━━━ Records shown ━━━

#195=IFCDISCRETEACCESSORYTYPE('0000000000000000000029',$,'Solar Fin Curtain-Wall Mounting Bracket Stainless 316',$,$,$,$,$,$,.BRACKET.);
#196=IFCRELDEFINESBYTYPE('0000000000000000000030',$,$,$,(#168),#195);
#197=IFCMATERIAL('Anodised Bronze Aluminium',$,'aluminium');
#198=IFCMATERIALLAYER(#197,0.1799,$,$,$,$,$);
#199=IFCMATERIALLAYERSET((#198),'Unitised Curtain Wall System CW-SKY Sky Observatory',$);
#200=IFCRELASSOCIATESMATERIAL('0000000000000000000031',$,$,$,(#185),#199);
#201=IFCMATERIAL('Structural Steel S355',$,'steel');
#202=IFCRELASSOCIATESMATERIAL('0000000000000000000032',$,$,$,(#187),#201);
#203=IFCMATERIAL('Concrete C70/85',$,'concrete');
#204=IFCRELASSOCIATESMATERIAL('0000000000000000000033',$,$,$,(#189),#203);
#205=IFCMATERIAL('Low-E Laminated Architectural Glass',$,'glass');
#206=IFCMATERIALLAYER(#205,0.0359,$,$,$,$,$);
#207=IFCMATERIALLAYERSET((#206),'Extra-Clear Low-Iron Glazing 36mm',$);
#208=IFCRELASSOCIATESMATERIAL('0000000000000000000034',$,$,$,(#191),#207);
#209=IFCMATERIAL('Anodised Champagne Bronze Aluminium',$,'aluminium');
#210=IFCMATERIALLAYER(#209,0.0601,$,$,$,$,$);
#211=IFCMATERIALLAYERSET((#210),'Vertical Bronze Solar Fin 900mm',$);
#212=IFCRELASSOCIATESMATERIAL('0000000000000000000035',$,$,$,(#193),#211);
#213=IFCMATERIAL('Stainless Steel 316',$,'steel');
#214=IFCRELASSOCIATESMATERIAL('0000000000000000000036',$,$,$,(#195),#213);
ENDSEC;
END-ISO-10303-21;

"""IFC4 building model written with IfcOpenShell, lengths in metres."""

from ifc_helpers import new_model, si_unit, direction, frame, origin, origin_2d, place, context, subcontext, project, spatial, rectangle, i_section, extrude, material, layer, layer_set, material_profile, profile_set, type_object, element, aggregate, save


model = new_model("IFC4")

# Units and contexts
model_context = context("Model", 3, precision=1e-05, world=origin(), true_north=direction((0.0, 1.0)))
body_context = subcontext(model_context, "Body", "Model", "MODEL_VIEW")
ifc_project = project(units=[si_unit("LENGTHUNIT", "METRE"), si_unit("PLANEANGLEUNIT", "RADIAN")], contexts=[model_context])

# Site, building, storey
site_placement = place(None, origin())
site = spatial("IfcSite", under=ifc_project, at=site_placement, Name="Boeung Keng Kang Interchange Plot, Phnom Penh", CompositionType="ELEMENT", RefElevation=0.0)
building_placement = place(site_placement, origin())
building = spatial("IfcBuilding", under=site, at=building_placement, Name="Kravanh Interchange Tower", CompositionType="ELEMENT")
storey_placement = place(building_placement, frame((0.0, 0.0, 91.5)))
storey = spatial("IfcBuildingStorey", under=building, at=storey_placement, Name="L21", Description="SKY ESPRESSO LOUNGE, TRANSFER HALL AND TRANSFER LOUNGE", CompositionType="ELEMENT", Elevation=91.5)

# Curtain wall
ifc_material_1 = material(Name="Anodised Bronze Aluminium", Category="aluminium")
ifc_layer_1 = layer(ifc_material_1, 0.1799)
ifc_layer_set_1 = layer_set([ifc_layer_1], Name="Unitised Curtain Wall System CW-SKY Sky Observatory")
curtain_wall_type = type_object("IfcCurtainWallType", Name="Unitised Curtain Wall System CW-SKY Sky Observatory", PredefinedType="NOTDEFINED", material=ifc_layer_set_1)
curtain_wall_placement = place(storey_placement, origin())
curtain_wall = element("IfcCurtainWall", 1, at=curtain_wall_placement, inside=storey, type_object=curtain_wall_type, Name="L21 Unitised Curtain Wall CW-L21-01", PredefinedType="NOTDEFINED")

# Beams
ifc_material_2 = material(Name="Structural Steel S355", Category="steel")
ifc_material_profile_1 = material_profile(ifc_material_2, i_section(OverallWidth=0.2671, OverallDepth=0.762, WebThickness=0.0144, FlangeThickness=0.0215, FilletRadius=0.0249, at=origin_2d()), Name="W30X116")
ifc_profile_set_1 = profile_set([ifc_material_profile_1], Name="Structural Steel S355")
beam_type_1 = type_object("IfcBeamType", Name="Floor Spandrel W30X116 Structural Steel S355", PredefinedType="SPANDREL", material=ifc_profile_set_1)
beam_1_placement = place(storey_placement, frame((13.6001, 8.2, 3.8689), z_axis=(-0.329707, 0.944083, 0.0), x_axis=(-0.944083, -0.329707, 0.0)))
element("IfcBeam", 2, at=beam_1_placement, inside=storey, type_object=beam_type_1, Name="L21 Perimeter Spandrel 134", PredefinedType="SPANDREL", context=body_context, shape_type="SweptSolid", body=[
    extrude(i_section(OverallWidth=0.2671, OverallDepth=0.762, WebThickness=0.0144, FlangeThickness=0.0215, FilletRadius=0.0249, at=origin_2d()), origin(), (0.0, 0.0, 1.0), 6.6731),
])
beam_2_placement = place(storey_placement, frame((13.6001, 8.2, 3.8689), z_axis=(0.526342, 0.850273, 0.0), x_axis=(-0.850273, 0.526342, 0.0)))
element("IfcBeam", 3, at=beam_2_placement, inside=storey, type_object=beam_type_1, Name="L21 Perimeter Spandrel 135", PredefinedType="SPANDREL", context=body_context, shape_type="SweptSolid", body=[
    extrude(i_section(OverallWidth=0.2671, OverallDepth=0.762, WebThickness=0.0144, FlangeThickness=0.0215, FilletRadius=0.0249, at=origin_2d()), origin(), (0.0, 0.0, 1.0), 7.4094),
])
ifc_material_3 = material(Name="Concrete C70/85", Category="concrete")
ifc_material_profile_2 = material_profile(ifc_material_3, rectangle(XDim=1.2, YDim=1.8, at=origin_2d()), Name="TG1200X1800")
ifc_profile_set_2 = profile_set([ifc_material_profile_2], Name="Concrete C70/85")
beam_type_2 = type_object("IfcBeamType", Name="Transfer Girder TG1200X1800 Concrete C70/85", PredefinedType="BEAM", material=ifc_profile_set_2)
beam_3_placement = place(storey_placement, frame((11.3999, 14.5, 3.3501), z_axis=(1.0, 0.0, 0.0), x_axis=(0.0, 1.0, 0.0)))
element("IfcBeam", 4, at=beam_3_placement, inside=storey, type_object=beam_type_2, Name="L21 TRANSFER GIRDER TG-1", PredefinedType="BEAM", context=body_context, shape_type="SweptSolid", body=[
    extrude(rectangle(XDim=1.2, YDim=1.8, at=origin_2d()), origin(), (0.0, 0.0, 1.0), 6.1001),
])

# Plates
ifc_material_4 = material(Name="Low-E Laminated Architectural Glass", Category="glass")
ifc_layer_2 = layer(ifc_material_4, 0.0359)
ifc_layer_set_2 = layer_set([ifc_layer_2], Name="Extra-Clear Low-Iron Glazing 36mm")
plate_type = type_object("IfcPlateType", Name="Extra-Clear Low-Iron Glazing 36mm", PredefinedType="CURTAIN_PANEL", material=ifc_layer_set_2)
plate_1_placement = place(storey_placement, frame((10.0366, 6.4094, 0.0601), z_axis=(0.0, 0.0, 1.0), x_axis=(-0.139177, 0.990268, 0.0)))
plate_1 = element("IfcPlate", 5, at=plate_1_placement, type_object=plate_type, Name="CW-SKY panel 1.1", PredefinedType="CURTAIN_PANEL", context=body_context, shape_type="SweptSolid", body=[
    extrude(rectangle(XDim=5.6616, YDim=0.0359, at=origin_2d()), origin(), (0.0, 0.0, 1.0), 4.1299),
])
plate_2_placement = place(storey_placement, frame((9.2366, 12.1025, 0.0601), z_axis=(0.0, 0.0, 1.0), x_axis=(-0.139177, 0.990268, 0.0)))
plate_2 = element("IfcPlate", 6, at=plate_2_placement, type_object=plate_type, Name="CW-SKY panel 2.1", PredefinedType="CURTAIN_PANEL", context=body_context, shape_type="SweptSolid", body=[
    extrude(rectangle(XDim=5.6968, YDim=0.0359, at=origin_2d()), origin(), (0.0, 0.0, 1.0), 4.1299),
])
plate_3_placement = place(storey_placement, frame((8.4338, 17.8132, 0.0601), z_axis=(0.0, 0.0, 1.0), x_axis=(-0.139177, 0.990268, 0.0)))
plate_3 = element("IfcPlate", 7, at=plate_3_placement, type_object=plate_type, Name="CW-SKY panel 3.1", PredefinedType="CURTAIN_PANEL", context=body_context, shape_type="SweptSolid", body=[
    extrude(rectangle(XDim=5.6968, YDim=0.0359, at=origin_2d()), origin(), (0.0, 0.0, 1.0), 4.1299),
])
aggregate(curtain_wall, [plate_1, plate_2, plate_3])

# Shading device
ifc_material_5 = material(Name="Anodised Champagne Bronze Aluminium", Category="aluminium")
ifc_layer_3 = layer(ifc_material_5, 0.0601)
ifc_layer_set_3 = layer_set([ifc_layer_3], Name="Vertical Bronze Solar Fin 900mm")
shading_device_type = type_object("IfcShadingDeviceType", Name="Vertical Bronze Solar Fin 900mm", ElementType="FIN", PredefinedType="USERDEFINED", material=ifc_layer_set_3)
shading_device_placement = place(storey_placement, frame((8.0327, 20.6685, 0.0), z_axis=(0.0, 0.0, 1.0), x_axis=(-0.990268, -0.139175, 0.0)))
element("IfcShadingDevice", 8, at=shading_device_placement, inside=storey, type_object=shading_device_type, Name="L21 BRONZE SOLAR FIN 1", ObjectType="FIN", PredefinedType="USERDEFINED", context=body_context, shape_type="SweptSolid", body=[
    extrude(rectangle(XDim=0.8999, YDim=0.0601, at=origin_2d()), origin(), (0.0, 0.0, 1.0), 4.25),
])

━━━

**Problem to solve**
Pull out each line of the listing that holds the string "Steel".

**Expected output**
#201=IFCMATERIAL('Structural Steel S355',$,'steel');
#213=IFCMATERIAL('Stainless Steel 316',$,'steel');
ifc_material_2 = material(Name="Structural Steel S355", Category="steel")
ifc_profile_set_1 = profile_set([ifc_material_profile_1], Name="Structural Steel S355")
beam_type_1 = type_object("IfcBeamType", Name="Floor Spandrel W30X116 Structural Steel S355", PredefinedType="SPANDREL", material=ifc_profile_set_1)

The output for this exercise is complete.